* _Task brief_:
Your answer should repeat the listing in full, with no line missing or altered.

* _Information provided_:
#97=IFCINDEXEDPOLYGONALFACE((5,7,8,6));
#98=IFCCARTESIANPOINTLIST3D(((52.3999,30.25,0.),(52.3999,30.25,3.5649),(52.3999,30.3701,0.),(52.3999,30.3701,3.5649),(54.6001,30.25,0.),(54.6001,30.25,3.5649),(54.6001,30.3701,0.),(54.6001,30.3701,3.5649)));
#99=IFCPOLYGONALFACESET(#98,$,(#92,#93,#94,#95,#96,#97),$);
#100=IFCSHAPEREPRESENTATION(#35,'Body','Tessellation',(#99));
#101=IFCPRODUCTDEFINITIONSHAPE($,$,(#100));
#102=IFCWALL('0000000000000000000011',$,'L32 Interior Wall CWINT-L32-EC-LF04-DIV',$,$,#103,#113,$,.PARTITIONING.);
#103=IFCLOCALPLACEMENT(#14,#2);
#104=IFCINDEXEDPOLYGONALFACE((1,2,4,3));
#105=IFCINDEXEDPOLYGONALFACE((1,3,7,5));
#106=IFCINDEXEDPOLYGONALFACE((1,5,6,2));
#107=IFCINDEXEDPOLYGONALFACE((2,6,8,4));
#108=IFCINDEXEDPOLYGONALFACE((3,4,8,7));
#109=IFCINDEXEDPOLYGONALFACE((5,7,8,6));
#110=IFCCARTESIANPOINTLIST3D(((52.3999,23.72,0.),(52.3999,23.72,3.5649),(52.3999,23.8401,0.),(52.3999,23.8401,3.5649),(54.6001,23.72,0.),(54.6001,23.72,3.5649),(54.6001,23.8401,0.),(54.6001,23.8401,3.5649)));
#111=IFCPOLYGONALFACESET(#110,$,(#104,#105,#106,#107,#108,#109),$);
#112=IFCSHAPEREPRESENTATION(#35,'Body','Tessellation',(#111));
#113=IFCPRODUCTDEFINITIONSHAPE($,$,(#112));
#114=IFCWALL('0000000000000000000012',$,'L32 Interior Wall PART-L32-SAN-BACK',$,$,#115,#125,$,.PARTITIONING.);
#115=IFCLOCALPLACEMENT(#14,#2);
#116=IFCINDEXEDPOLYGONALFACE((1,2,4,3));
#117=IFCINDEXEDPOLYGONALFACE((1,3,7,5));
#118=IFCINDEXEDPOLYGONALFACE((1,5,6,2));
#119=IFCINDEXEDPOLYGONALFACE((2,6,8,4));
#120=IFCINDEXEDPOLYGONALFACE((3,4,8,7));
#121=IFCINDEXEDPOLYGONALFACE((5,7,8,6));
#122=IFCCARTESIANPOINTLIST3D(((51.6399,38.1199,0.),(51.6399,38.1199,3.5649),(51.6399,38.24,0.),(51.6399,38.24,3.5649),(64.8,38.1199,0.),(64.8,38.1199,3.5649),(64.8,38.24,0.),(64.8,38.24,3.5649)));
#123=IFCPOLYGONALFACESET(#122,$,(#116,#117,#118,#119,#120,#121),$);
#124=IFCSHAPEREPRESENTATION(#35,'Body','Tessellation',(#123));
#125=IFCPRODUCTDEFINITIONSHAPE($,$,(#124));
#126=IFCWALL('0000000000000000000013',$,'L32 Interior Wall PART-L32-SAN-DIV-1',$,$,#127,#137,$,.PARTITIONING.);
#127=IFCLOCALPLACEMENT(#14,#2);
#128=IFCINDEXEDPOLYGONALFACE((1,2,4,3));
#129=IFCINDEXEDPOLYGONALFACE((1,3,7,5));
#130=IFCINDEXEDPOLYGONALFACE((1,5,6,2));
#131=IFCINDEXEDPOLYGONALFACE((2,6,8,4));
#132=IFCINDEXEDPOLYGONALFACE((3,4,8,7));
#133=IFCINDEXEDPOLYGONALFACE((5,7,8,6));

* _Response to this task_:
#97=IFCINDEXEDPOLYGONALFACE((5,7,8,6));
#98=IFCCARTESIANPOINTLIST3D(((52.3999,30.25,0.),(52.3999,30.25,3.5649),(52.3999,30.3701,0.),(52.3999,30.3701,3.5649),(54.6001,30.25,0.),(54.6001,30.25,3.5649),(54.6001,30.3701,0.),(54.6001,30.3701,3.5649)));
#99=IFCPOLYGONALFACESET(#98,$,(#92,#93,#94,#95,#96,#97),$);
#100=IFCSHAPEREPRESENTATION(#35,'Body','Tessellation',(#99));
#101=IFCPRODUCTDEFINITIONSHAPE($,$,(#100));
#102=IFCWALL('0000000000000000000011',$,'L32 Interior Wall CWINT-L32-EC-LF04-DIV',$,$,#103,#113,$,.PARTITIONING.);
#103=IFCLOCALPLACEMENT(#14,#2);
#104=IFCINDEXEDPOLYGONALFACE((1,2,4,3));
#105=IFCINDEXEDPOLYGONALFACE((1,3,7,5));
#106=IFCINDEXEDPOLYGONALFACE((1,5,6,2));
#107=IFCINDEXEDPOLYGONALFACE((2,6,8,4));
#108=IFCINDEXEDPOLYGONALFACE((3,4,8,7));
#109=IFCINDEXEDPOLYGONALFACE((5,7,8,6));
#110=IFCCARTESIANPOINTLIST3D(((52.3999,23.72,0.),(52.3999,23.72,3.5649),(52.3999,23.8401,0.),(52.3999,23.8401,3.5649),(54.6001,23.72,0.),(54.6001,23.72,3.5649),(54.6001,23.8401,0.),(54.6001,23.8401,3.5649)));
#111=IFCPOLYGONALFACESET(#110,$,(#104,#105,#106,#107,#108,#109),$);
#112=IFCSHAPEREPRESENTATION(#35,'Body','Tessellation',(#111));
#113=IFCPRODUCTDEFINITIONSHAPE($,$,(#112));
#114=IFCWALL('0000000000000000000012',$,'L32 Interior Wall PART-L32-SAN-BACK',$,$,#115,#125,$,.PARTITIONING.);
#115=IFCLOCALPLACEMENT(#14,#2);
#116=IFCINDEXEDPOLYGONALFACE((1,2,4,3));
#117=IFCINDEXEDPOLYGONALFACE((1,3,7,5));
#118=IFCINDEXEDPOLYGONALFACE((1,5,6,2));
#119=IFCINDEXEDPOLYGONALFACE((2,6,8,4));
#120=IFCINDEXEDPOLYGONALFACE((3,4,8,7));
#121=IFCINDEXEDPOLYGONALFACE((5,7,8,6));
#122=IFCCARTESIANPOINTLIST3D(((51.6399,38.1199,0.),(51.6399,38.1199,3.5649),(51.6399,38.24,0.),(51.6399,38.24,3.5649),(64.8,38.1199,0.),(64.8,38.1199,3.5649),(64.8,38.24,0.),(64.8,38.24,3.5649)));
#123=IFCPOLYGONALFACESET(#122,$,(#116,#117,#118,#119,#120,#121),$);
#124=IFCSHAPEREPRESENTATION(#35,'Body','Tessellation',(#123));
#125=IFCPRODUCTDEFINITIONSHAPE($,$,(#124));
#126=IFCWALL('0000000000000000000013',$,'L32 Interior Wall PART-L32-SAN-DIV-1',$,$,#127,#137,$,.PARTITIONING.);
#127=IFCLOCALPLACEMENT(#14,#2);
#128=IFCINDEXEDPOLYGONALFACE((1,2,4,3));
#129=IFCINDEXEDPOLYGONALFACE((1,3,7,5));
#130=IFCINDEXEDPOLYGONALFACE((1,5,6,2));
#131=IFCINDEXEDPOLYGONALFACE((2,6,8,4));
#132=IFCINDEXEDPOLYGONALFACE((3,4,8,7));
#133=IFCINDEXEDPOLYGONALFACE((5,7,8,6));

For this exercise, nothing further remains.